Stored items:
= = = = =

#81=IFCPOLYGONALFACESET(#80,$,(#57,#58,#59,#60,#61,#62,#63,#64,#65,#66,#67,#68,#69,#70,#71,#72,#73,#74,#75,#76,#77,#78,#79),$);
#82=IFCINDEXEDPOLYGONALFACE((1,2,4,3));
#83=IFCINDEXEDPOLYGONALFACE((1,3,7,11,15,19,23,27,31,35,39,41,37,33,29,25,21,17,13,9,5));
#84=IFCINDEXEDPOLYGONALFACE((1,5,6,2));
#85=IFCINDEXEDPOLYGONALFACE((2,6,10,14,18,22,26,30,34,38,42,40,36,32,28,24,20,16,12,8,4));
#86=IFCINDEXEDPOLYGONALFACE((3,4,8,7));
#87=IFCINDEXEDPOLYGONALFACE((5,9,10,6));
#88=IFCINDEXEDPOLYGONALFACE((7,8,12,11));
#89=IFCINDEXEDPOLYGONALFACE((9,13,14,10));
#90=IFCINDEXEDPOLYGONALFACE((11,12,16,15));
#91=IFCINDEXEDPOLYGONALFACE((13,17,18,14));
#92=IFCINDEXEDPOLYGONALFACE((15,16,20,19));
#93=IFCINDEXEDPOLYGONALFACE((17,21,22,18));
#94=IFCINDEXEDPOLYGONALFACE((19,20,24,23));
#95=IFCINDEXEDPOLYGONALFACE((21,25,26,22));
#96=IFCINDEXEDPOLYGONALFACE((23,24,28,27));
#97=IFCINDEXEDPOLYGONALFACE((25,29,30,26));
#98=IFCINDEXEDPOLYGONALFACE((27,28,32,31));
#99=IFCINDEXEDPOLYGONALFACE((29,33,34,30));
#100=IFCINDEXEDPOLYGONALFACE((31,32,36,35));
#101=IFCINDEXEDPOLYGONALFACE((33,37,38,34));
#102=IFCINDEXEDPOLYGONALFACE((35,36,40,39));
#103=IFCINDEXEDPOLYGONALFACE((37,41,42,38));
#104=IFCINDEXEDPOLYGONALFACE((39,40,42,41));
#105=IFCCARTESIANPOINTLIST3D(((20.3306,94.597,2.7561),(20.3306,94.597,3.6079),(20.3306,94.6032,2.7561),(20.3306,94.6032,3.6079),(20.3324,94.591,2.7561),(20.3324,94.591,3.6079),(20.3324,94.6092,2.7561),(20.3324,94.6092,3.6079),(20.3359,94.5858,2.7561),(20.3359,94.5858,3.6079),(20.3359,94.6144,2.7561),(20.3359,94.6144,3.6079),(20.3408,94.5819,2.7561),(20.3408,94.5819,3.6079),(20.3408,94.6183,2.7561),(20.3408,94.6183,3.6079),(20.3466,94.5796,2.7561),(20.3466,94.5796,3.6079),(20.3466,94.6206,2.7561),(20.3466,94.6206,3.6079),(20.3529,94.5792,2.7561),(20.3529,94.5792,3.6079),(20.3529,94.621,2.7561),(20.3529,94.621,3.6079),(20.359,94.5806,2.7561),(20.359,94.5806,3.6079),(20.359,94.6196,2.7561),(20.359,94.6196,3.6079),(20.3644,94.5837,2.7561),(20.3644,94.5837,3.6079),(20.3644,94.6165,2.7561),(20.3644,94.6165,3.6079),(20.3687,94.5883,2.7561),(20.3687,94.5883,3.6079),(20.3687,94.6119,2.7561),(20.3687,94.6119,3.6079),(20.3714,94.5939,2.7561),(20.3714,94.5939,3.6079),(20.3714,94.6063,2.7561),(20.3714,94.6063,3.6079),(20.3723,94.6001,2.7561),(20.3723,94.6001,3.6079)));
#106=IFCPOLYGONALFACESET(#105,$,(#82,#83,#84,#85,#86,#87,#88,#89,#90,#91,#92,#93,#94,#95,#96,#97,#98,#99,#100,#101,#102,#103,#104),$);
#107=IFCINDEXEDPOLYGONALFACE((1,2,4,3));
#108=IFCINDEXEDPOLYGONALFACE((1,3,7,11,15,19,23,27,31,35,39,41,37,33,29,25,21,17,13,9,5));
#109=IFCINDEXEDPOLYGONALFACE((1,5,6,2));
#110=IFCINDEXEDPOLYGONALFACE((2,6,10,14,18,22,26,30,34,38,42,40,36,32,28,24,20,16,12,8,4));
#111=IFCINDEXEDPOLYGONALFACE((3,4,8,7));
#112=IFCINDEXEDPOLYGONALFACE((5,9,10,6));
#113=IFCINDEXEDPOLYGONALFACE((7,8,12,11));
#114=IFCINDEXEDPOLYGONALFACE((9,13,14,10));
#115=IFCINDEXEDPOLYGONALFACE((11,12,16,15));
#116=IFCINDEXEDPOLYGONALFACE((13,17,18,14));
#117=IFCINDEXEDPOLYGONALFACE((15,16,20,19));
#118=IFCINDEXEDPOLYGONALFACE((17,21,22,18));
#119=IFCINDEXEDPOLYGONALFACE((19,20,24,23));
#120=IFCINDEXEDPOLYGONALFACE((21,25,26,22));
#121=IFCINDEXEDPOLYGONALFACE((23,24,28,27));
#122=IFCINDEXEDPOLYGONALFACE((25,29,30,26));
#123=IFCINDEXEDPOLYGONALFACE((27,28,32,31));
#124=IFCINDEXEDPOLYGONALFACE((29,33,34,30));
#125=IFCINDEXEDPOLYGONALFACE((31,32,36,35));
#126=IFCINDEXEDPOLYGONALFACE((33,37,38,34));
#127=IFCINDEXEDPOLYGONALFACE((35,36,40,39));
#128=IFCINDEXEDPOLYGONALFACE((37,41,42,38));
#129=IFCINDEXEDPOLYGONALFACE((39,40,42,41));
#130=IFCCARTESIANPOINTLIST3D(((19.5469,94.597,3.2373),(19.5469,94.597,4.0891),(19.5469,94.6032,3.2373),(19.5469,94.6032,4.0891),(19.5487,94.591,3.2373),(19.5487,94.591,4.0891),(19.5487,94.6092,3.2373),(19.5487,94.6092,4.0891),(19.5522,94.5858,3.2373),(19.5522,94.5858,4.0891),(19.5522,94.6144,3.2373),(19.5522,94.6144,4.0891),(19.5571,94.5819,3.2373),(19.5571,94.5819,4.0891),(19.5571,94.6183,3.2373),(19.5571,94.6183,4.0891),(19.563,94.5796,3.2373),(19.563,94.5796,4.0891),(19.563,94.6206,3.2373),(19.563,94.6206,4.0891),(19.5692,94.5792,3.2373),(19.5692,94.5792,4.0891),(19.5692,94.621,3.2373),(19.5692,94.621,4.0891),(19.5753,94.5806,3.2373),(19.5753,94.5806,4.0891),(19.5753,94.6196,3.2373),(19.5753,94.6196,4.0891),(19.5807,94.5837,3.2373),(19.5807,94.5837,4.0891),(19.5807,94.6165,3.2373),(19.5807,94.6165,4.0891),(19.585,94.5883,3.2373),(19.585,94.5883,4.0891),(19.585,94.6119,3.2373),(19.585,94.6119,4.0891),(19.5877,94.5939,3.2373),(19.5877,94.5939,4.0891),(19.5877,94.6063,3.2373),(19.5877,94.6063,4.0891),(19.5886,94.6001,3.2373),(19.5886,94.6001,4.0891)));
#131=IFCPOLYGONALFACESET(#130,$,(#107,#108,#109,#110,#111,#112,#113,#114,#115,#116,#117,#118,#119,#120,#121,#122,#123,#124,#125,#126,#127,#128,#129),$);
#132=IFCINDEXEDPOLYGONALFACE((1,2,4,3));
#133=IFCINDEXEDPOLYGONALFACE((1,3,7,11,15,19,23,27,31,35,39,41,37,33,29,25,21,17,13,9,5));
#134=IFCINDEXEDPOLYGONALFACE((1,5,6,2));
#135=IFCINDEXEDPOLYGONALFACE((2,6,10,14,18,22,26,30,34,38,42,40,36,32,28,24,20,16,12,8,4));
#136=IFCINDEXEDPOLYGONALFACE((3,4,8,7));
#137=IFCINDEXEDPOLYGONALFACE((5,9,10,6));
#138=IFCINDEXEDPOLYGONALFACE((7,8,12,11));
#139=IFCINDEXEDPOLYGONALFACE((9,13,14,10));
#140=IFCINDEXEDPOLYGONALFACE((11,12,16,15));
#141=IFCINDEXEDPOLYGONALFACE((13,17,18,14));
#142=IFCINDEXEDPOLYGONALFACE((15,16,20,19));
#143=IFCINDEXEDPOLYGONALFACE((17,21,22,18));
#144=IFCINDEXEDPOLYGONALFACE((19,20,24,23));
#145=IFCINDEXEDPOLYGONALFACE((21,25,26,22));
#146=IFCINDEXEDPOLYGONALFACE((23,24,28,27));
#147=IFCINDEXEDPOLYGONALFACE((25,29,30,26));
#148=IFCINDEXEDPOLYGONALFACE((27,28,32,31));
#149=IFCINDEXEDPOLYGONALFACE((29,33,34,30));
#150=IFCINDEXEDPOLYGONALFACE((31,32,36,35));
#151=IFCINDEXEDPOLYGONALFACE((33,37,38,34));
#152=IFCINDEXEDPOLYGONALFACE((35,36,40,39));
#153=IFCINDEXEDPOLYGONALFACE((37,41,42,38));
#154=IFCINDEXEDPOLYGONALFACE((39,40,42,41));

= = = = =

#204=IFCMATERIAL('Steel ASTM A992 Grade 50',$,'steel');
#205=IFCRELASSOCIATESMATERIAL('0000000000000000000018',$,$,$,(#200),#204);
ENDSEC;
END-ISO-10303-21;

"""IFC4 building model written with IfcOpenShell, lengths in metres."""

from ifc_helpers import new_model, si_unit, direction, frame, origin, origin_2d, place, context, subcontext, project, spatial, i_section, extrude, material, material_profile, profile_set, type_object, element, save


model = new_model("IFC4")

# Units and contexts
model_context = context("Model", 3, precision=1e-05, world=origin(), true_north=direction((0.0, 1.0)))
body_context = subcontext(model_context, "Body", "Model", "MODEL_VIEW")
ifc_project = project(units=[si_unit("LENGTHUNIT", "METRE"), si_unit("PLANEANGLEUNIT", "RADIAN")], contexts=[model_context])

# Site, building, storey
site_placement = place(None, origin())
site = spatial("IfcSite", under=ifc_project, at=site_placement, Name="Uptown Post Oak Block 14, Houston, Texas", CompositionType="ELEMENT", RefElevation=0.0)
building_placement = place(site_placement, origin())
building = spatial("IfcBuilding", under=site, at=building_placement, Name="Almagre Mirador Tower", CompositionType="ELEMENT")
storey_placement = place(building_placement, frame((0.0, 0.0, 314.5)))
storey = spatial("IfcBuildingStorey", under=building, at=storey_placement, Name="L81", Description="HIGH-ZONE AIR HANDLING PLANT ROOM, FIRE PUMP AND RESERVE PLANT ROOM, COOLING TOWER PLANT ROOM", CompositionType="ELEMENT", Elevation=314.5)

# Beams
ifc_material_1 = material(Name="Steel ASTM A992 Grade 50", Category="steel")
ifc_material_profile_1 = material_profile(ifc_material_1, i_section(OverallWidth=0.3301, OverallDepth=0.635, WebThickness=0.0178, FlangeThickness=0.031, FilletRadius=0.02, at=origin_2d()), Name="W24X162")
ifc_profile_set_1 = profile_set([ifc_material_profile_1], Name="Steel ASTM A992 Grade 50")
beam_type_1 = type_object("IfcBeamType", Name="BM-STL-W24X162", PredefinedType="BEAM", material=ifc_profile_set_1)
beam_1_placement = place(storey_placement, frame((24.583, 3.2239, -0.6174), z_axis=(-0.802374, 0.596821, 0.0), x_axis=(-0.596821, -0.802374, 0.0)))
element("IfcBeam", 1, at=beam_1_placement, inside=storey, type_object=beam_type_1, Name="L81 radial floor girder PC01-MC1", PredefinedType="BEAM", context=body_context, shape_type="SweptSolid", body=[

= = = = =

Goal of the exercise -
Using only the entries above, output the line with "#93=IFCINDEXEDPOLYGONALFACE((17,21,22,18));", the line with "#104=IFCINDEXEDPOLYGONALFACE((39,40,42,41));", and all lines between them, exactly as they stand.

Solution to the exercise -
#93=IFCINDEXEDPOLYGONALFACE((17,21,22,18));
#94=IFCINDEXEDPOLYGONALFACE((19,20,24,23));
#95=IFCINDEXEDPOLYGONALFACE((21,25,26,22));
#96=IFCINDEXEDPOLYGONALFACE((23,24,28,27));
#97=IFCINDEXEDPOLYGONALFACE((25,29,30,26));
#98=IFCINDEXEDPOLYGONALFACE((27,28,32,31));
#99=IFCINDEXEDPOLYGONALFACE((29,33,34,30));
#100=IFCINDEXEDPOLYGONALFACE((31,32,36,35));
#101=IFCINDEXEDPOLYGONALFACE((33,37,38,34));
#102=IFCINDEXEDPOLYGONALFACE((35,36,40,39));
#103=IFCINDEXEDPOLYGONALFACE((37,41,42,38));
#104=IFCINDEXEDPOLYGONALFACE((39,40,42,41));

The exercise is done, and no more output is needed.